▶ [GOAL OF THE EXERCISE] Your task is to repeat exactly the lines below between the line holding "Court Research Institute',$,$,#10,$,$,.ELEMENT.,$,$,$);" and the line holding "#16=IFCSITE('0000000000000000000004',$,'Ussher Court Research", inclusive, and only those.

☆ ☆ ☆ ☆ ☆

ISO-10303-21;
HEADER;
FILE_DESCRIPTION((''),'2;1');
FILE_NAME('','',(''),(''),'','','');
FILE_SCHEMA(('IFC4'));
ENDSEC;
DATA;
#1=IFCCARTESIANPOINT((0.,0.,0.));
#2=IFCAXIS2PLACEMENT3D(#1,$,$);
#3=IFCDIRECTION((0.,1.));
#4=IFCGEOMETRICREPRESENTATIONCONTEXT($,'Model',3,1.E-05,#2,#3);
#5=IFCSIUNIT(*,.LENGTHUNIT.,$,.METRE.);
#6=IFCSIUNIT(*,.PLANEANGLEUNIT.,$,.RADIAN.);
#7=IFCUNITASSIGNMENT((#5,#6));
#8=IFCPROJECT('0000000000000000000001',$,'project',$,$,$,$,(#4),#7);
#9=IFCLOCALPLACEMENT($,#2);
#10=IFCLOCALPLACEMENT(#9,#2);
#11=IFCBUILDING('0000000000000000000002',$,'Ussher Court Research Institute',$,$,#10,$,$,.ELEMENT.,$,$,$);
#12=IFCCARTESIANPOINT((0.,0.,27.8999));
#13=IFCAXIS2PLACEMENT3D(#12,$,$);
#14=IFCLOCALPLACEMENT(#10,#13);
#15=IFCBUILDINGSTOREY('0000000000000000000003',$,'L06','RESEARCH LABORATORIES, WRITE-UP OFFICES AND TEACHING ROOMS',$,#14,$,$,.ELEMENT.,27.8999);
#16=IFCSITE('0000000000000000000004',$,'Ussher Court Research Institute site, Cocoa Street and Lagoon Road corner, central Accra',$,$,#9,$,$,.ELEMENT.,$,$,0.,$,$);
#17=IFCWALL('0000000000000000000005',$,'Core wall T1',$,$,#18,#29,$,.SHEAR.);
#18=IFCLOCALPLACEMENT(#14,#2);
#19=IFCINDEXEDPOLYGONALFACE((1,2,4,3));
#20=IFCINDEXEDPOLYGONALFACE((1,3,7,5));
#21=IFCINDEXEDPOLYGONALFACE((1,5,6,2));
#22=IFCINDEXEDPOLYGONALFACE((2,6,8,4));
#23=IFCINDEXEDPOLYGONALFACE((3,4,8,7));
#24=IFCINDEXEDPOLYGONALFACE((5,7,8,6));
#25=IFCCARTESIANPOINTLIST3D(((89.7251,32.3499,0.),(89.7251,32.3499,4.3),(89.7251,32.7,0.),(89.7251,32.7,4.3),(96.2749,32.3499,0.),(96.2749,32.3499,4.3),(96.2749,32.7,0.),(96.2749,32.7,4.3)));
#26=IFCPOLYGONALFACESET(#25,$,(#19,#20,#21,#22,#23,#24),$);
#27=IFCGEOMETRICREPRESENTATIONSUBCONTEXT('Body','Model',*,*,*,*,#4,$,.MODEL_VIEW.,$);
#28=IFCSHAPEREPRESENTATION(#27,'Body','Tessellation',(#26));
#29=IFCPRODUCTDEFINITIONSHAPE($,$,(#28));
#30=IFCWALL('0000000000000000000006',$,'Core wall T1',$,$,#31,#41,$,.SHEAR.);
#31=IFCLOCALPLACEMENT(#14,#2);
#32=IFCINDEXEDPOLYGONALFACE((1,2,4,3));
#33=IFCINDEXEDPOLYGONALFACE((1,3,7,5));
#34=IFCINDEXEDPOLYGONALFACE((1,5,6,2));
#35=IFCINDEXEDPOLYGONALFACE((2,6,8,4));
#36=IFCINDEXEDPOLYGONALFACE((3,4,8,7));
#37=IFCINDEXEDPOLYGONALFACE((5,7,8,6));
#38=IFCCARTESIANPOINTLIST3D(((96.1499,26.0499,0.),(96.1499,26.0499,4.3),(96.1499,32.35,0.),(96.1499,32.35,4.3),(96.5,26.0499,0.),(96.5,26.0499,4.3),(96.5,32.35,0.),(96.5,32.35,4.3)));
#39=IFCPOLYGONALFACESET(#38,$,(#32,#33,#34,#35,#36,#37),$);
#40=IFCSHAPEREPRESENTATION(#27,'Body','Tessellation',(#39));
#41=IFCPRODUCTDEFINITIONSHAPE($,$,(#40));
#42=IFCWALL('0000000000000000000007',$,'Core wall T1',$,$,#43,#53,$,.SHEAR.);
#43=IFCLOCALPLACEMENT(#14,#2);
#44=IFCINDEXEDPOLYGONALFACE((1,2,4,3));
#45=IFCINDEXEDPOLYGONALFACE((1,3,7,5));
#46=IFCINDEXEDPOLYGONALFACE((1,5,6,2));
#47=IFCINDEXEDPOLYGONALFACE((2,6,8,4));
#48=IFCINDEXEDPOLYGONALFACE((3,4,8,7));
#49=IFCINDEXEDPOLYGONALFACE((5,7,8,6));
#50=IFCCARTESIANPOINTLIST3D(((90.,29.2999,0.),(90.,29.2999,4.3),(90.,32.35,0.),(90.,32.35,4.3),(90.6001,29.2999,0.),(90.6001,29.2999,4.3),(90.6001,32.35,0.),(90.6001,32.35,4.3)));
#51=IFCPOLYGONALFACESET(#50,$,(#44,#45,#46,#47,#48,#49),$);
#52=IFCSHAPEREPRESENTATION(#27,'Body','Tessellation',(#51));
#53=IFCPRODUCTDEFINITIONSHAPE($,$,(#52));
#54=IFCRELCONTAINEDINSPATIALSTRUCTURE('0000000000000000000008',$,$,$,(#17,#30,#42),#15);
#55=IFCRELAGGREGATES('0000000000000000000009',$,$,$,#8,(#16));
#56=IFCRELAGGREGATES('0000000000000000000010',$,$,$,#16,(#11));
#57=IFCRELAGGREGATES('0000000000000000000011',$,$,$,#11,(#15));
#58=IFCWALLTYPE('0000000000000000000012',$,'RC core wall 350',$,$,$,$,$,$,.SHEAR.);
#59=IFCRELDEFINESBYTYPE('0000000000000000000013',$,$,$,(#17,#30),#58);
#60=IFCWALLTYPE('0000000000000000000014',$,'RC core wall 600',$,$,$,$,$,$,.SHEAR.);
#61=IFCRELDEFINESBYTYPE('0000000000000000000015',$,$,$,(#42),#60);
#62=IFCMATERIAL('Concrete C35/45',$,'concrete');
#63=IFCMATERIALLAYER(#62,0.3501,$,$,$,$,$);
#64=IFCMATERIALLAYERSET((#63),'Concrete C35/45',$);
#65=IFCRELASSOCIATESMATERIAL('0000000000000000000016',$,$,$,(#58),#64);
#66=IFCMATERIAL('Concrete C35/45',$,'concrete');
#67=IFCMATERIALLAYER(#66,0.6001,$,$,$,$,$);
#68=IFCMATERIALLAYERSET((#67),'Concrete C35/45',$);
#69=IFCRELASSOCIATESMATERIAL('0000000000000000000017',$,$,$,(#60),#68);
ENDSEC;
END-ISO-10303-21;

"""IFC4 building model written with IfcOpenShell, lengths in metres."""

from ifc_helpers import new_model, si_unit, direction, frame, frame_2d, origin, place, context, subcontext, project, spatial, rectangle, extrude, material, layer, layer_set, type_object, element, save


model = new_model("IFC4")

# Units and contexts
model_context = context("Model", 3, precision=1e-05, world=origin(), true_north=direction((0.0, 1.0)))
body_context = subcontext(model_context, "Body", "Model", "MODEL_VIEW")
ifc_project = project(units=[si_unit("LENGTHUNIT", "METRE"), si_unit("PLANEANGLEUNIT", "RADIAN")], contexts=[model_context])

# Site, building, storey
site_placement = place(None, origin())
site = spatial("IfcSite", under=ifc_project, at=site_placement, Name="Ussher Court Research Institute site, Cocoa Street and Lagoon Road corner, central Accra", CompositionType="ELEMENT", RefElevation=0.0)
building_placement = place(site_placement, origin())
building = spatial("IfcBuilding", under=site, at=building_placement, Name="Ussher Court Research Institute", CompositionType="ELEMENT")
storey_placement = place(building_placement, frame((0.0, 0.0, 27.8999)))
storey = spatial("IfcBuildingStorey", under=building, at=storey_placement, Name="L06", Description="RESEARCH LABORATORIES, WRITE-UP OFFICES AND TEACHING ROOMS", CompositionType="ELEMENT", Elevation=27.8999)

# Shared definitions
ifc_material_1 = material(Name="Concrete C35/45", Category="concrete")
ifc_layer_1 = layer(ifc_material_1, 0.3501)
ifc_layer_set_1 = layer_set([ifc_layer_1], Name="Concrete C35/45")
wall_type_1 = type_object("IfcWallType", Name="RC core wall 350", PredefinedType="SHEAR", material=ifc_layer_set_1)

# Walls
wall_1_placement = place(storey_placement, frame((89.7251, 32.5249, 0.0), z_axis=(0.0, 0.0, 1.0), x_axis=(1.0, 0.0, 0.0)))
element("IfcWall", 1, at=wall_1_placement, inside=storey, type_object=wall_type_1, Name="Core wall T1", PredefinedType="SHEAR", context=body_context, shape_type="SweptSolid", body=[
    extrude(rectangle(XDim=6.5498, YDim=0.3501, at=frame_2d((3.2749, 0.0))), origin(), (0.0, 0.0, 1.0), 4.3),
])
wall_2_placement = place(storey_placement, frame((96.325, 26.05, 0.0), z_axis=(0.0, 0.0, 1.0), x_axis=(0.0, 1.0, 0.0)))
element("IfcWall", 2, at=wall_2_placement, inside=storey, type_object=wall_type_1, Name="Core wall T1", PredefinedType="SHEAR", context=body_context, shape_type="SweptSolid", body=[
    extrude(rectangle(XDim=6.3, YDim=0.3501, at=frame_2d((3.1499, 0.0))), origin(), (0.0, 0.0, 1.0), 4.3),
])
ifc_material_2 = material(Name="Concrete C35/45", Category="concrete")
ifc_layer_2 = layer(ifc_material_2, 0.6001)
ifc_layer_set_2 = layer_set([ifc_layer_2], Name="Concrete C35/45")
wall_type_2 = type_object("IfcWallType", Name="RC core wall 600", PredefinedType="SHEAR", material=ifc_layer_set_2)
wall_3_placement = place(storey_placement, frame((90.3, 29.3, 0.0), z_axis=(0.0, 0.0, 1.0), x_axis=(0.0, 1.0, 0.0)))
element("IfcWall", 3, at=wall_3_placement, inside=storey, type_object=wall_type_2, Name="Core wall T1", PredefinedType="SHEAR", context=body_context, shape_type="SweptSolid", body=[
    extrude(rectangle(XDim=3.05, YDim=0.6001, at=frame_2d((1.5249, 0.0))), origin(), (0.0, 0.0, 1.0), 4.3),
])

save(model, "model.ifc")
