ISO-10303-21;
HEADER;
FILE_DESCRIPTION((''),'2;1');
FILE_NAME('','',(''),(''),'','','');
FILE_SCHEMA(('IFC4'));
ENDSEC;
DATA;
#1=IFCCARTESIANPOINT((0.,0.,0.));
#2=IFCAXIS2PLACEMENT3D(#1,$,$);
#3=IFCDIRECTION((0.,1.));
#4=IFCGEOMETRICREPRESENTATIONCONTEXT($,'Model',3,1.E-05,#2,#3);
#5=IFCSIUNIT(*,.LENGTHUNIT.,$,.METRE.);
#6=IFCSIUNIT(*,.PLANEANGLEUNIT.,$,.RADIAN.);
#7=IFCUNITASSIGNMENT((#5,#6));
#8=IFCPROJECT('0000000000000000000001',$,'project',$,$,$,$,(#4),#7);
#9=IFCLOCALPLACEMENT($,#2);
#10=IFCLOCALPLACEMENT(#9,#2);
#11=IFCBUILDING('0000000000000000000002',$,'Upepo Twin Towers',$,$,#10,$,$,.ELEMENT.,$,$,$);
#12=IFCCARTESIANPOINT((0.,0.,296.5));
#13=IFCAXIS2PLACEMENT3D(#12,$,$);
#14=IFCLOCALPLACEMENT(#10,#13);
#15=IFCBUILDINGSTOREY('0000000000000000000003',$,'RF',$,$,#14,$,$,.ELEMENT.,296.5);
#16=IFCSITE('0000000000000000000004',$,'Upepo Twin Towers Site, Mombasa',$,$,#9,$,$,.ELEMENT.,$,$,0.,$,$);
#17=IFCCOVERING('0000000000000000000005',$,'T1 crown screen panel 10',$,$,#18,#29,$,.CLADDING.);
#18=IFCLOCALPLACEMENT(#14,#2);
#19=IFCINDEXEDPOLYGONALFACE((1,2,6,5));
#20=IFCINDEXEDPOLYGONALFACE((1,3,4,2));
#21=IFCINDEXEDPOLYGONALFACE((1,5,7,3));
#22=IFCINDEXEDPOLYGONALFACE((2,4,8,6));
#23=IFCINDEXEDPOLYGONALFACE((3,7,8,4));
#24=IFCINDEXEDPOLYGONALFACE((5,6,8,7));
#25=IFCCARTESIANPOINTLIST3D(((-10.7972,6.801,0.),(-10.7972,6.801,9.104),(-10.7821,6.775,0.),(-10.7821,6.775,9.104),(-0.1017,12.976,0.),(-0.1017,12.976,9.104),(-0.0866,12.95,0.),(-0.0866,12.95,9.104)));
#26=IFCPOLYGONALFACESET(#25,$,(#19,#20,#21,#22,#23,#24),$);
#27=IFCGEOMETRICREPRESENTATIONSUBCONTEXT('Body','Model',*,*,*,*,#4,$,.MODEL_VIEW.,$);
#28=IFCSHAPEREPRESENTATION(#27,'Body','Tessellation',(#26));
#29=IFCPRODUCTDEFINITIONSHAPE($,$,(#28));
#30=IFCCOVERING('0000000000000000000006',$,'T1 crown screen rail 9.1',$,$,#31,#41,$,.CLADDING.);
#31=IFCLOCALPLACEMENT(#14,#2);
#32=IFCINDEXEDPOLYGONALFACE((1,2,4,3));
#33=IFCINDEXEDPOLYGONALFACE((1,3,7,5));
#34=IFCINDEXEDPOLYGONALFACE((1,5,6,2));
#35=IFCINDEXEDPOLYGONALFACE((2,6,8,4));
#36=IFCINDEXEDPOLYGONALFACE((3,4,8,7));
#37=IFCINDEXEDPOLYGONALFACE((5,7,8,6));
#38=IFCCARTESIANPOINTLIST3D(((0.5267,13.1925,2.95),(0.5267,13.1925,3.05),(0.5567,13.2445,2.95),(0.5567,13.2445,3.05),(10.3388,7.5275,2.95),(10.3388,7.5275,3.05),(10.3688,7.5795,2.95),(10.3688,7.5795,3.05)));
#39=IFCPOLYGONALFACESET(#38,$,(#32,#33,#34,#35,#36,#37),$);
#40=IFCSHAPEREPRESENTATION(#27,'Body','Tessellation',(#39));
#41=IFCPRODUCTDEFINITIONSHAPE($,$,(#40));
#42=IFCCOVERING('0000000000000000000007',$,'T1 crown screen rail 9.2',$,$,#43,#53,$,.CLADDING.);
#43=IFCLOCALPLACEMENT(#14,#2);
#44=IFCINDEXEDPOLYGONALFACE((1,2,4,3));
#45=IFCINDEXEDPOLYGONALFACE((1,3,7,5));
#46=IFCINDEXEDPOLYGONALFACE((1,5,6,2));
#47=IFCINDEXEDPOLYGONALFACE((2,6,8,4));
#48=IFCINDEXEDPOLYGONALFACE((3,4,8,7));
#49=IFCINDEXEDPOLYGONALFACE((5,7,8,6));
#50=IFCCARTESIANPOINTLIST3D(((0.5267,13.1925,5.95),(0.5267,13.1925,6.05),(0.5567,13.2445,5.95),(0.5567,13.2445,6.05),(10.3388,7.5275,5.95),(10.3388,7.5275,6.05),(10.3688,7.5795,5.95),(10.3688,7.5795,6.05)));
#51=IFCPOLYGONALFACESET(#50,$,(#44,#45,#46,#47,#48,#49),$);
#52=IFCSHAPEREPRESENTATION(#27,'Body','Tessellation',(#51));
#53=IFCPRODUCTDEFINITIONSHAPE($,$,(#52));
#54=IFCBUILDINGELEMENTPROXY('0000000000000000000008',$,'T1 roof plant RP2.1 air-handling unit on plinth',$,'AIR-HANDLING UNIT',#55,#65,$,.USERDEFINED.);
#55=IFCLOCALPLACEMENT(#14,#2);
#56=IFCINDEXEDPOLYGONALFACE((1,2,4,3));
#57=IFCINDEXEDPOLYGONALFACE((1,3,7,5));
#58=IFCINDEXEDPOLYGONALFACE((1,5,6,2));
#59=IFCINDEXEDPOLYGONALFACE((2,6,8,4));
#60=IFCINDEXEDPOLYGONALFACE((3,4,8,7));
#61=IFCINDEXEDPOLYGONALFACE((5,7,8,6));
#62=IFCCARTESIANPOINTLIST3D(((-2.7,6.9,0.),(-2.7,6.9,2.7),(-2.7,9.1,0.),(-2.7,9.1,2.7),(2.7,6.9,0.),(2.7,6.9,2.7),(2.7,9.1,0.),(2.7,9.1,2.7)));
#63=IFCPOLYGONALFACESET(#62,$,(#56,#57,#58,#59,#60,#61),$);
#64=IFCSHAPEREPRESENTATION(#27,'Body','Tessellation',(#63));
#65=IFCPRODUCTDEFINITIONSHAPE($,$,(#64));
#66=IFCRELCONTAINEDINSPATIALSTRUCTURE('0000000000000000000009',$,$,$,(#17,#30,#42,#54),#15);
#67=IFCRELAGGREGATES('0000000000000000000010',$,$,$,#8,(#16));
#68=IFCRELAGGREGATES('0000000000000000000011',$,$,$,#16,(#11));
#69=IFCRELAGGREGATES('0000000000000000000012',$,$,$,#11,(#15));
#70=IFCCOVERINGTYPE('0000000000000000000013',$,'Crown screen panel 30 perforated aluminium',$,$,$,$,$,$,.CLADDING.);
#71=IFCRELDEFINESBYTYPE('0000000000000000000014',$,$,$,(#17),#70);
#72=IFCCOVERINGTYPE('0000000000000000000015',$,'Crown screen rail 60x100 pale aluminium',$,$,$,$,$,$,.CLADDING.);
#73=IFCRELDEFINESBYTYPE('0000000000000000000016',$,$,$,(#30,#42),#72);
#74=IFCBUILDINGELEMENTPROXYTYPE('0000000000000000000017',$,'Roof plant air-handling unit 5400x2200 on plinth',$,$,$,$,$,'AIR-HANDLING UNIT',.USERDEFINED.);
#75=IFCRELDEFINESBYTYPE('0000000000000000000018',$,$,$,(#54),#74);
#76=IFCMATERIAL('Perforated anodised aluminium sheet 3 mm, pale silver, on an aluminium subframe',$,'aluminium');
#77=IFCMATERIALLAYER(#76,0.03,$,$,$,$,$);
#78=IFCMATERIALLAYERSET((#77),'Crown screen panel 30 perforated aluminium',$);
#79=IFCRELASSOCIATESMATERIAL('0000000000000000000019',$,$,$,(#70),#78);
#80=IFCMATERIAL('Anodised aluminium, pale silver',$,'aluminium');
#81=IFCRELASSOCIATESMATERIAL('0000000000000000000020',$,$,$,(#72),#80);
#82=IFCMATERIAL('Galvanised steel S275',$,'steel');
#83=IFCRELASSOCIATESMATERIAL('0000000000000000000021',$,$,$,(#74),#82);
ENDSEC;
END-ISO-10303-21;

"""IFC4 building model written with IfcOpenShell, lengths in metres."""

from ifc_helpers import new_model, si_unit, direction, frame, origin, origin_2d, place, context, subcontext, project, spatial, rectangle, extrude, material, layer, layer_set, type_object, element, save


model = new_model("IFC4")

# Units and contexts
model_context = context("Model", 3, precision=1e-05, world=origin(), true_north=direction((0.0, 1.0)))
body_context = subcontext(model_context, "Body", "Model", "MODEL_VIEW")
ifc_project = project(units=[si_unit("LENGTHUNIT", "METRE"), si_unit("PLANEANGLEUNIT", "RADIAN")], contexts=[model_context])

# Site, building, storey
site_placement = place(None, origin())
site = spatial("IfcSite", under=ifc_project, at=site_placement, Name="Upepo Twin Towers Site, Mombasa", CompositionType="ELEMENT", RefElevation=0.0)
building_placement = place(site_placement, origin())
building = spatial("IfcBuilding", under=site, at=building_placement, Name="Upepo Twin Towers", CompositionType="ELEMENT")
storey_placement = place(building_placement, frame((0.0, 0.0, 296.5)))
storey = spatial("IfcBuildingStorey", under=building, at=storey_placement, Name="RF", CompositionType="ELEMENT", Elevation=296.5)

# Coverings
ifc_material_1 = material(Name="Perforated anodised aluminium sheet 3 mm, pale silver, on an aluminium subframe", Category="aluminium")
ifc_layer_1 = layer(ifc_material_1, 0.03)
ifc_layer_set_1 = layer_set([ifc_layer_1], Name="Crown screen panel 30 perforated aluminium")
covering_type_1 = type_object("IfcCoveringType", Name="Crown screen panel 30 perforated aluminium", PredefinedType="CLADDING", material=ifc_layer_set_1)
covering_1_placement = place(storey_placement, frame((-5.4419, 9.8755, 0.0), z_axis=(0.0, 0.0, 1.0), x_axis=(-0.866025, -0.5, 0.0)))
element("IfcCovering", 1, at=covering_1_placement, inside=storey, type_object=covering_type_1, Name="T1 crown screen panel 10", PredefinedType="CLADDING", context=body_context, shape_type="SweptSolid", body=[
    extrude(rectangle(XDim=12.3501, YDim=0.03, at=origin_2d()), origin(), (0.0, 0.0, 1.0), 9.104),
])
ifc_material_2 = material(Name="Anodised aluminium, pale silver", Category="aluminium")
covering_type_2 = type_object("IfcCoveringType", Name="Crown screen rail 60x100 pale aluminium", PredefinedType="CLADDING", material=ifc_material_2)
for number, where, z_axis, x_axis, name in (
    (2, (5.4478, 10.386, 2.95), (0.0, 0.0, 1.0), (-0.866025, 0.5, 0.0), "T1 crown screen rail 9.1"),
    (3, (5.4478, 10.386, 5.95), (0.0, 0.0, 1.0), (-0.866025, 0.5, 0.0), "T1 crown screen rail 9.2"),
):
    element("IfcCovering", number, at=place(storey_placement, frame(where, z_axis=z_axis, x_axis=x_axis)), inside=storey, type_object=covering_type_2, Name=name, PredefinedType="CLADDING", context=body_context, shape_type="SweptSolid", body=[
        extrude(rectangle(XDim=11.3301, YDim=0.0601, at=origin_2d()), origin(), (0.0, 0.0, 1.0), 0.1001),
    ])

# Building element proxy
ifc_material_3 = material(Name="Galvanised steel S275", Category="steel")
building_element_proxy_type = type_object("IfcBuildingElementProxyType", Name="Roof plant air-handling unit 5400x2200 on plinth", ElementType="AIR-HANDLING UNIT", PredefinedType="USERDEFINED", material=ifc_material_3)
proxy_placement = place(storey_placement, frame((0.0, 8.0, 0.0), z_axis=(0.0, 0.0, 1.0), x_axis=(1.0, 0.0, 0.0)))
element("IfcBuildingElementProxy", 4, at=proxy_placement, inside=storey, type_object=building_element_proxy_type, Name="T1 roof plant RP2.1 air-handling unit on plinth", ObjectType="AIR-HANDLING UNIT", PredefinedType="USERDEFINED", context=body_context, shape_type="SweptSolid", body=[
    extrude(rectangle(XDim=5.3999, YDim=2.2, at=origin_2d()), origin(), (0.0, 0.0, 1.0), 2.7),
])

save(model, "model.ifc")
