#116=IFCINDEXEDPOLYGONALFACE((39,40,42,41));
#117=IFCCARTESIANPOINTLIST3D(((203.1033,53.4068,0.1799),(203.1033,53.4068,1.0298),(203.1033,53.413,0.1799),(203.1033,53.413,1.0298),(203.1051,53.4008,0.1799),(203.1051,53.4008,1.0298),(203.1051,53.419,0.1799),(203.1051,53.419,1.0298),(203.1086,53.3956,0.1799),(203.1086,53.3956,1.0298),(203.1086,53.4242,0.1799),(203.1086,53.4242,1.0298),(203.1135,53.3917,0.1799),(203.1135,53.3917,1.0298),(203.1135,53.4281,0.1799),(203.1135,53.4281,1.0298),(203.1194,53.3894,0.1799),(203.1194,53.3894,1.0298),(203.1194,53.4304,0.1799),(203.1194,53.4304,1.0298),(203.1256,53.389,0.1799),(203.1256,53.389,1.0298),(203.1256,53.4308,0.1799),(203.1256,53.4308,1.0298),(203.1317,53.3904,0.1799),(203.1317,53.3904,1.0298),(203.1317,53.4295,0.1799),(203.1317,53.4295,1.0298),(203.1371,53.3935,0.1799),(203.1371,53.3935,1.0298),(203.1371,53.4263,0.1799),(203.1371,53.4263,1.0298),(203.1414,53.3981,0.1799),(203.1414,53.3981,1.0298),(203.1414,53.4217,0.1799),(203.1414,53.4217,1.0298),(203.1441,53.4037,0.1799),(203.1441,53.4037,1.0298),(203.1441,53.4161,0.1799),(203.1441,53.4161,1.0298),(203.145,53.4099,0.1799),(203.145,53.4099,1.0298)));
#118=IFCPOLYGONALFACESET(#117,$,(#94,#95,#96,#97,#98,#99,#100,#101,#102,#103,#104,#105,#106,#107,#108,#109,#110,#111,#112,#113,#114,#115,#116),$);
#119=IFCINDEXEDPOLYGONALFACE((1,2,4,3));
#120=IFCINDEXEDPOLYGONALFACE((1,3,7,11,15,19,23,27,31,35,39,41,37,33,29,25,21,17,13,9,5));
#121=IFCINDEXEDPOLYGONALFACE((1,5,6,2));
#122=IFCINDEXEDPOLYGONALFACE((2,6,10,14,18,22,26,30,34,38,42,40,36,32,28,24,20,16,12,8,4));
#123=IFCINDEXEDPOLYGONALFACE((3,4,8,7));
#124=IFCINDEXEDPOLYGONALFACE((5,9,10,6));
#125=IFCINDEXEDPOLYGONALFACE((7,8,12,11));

☆ ☆ ☆ ☆ ☆

▶ [ANSWER TO THE EXERCISE]
#11=IFCBUILDING('0000000000000000000002',$,'Ussher Court Research Institute',$,$,#10,$,$,.ELEMENT.,$,$,$);
#12=IFCCARTESIANPOINT((0.,0.,27.8999));
#13=IFCAXIS2PLACEMENT3D(#12,$,$);
#14=IFCLOCALPLACEMENT(#10,#13);
#15=IFCBUILDINGSTOREY('0000000000000000000003',$,'L06','RESEARCH LABORATORIES, WRITE-UP OFFICES AND TEACHING ROOMS',$,#14,$,$,.ELEMENT.,27.8999);
#16=IFCSITE('0000000000000000000004',$,'Ussher Court Research Institute site, Cocoa Street and Lagoon Road corner, central Accra',$,$,#9,$,$,.ELEMENT.,$,$,0.,$,$);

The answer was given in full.